What you need to do ->
Set down, character for character, everything in the records below from the line holding "#169=IFCRELAGGREGATES('0000000000000000000009',$,$,$,#8,(#16));" down to the line holding "#176=IFCMATERIAL('Steel C350L0',$,'steel');", and no other line.

Provided data ->
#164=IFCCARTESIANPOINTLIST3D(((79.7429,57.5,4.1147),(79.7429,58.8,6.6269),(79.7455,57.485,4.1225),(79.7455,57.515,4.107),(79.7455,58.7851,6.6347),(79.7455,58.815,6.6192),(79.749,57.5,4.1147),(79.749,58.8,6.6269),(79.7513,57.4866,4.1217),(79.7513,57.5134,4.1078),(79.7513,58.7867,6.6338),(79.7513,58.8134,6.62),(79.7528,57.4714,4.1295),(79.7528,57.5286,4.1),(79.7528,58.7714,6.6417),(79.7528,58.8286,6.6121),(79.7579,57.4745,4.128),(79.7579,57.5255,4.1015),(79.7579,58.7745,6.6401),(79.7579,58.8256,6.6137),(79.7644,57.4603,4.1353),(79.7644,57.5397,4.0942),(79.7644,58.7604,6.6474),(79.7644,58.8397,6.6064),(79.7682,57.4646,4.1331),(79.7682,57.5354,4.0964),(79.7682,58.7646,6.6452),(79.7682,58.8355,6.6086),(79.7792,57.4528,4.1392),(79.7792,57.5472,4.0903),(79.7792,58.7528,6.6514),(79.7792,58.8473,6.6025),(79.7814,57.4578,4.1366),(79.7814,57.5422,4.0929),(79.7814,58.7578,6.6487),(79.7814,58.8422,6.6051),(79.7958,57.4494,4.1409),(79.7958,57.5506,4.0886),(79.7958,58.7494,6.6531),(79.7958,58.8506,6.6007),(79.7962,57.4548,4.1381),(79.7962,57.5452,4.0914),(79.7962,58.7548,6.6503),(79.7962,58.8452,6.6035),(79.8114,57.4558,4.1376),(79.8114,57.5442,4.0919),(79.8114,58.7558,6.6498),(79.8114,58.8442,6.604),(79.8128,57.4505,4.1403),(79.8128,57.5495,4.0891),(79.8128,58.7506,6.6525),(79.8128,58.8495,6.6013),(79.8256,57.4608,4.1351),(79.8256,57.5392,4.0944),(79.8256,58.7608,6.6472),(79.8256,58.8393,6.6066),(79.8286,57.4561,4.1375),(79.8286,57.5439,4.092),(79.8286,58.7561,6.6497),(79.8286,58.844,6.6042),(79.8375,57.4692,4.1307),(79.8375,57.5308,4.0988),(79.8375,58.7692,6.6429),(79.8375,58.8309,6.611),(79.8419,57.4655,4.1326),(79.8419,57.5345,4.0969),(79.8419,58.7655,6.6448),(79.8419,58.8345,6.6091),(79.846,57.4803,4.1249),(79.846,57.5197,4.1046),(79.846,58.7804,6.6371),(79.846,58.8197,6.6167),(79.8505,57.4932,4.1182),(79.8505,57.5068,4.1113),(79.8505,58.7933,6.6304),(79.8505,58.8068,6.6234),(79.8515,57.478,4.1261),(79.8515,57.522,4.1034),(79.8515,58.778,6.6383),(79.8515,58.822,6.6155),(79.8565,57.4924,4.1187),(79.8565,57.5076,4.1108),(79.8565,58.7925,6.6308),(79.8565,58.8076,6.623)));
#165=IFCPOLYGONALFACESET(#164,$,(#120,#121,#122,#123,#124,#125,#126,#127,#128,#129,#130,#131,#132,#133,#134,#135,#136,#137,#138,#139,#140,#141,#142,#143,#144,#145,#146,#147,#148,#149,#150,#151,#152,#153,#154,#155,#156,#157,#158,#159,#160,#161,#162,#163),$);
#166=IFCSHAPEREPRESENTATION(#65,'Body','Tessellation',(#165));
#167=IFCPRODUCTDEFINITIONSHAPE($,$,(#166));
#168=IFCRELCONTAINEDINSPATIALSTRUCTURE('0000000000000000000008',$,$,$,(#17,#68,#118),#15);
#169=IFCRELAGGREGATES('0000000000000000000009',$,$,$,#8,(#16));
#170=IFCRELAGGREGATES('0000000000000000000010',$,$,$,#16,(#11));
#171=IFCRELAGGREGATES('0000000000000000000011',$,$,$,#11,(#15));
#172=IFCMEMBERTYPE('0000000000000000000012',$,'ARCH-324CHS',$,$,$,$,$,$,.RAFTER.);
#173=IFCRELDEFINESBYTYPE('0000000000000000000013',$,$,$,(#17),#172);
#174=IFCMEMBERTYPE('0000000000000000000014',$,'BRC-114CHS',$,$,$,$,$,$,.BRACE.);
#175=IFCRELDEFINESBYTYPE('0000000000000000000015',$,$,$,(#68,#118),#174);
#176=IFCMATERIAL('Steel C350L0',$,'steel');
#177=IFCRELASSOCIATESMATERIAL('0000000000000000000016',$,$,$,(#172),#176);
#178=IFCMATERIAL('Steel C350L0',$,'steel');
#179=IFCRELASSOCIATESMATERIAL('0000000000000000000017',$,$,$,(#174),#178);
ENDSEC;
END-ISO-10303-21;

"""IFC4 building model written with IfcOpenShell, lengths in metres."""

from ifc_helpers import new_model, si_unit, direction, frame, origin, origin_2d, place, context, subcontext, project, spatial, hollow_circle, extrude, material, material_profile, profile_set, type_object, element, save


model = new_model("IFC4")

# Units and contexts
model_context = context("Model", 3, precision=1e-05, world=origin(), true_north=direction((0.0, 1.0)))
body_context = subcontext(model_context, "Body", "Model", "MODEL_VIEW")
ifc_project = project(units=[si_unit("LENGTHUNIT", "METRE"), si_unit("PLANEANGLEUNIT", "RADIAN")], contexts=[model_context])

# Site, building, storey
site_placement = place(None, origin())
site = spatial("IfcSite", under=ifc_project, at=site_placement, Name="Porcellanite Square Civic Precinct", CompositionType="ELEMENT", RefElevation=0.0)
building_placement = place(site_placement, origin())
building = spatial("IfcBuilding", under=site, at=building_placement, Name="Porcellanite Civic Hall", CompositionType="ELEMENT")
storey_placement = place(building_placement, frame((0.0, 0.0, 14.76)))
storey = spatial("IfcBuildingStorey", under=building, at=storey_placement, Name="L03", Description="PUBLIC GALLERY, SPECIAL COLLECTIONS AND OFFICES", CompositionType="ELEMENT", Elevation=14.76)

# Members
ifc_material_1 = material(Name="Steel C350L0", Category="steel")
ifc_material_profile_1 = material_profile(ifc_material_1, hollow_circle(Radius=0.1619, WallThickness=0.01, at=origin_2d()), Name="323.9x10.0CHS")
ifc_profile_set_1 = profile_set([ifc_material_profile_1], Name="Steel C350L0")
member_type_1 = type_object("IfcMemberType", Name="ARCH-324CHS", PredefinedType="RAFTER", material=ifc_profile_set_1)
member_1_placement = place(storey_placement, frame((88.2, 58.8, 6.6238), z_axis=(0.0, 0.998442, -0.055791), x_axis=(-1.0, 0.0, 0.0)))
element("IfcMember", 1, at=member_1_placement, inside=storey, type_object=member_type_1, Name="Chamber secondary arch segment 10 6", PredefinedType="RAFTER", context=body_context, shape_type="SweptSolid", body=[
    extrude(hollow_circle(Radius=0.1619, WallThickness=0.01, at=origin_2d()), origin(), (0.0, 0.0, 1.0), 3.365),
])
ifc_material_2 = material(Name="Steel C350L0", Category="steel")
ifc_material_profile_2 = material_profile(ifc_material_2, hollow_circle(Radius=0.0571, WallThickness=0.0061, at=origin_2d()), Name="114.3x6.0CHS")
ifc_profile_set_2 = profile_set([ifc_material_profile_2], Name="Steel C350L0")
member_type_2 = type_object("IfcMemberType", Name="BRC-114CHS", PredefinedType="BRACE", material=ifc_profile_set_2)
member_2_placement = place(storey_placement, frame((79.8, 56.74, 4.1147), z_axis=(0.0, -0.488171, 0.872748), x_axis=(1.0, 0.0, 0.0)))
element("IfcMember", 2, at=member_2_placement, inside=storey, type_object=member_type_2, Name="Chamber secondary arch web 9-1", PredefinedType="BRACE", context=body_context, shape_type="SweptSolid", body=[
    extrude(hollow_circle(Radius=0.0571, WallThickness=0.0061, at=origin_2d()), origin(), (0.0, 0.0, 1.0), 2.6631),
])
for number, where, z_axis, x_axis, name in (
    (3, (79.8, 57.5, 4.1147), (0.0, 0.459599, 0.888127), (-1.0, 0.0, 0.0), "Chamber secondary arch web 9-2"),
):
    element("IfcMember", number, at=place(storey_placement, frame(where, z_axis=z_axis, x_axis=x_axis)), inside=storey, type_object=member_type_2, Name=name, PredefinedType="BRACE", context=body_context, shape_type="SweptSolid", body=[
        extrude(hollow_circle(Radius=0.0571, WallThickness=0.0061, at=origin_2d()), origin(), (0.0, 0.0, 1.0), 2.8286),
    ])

Output below ->
#169=IFCRELAGGREGATES('0000000000000000000009',$,$,$,#8,(#16));
#170=IFCRELAGGREGATES('0000000000000000000010',$,$,$,#16,(#11));
#171=IFCRELAGGREGATES('0000000000000000000011',$,$,$,#11,(#15));
#172=IFCMEMBERTYPE('0000000000000000000012',$,'ARCH-324CHS',$,$,$,$,$,$,.RAFTER.);
#173=IFCRELDEFINESBYTYPE('0000000000000000000013',$,$,$,(#17),#172);
#174=IFCMEMBERTYPE('0000000000000000000014',$,'BRC-114CHS',$,$,$,$,$,$,.BRACE.);
#175=IFCRELDEFINESBYTYPE('0000000000000000000015',$,$,$,(#68,#118),#174);
#176=IFCMATERIAL('Steel C350L0',$,'steel');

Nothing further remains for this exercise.